Prompt
Provide a character-exact reproduction of the lines from the line with "#50=IFCINDEXEDPOLYGONALFACE((7,8,12,11));" to the end of the entries.

──────── Data records

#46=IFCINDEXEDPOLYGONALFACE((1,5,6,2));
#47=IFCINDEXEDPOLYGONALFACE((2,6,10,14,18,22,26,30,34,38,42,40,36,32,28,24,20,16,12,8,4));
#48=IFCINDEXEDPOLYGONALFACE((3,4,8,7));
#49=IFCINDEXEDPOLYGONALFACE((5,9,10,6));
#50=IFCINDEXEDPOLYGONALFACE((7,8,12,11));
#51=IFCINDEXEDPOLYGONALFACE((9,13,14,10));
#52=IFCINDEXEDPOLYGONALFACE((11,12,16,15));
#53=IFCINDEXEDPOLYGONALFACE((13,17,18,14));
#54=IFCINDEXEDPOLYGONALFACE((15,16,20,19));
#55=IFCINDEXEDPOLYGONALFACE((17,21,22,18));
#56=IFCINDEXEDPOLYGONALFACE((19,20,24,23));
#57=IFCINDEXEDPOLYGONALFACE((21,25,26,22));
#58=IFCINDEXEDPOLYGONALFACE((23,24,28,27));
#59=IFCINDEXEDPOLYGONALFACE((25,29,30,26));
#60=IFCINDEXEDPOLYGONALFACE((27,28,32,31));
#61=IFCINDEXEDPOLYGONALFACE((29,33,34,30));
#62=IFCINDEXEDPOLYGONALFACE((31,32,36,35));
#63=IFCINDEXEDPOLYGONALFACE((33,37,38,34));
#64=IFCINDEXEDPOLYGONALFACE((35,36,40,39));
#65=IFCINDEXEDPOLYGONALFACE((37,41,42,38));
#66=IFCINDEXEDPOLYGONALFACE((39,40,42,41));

────────────────

Task solution
#50=IFCINDEXEDPOLYGONALFACE((7,8,12,11));
#51=IFCINDEXEDPOLYGONALFACE((9,13,14,10));
#52=IFCINDEXEDPOLYGONALFACE((11,12,16,15));
#53=IFCINDEXEDPOLYGONALFACE((13,17,18,14));
#54=IFCINDEXEDPOLYGONALFACE((15,16,20,19));
#55=IFCINDEXEDPOLYGONALFACE((17,21,22,18));
#56=IFCINDEXEDPOLYGONALFACE((19,20,24,23));
#57=IFCINDEXEDPOLYGONALFACE((21,25,26,22));
#58=IFCINDEXEDPOLYGONALFACE((23,24,28,27));
#59=IFCINDEXEDPOLYGONALFACE((25,29,30,26));
#60=IFCINDEXEDPOLYGONALFACE((27,28,32,31));
#61=IFCINDEXEDPOLYGONALFACE((29,33,34,30));
#62=IFCINDEXEDPOLYGONALFACE((31,32,36,35));
#63=IFCINDEXEDPOLYGONALFACE((33,37,38,34));
#64=IFCINDEXEDPOLYGONALFACE((35,36,40,39));
#65=IFCINDEXEDPOLYGONALFACE((37,41,42,38));
#66=IFCINDEXEDPOLYGONALFACE((39,40,42,41));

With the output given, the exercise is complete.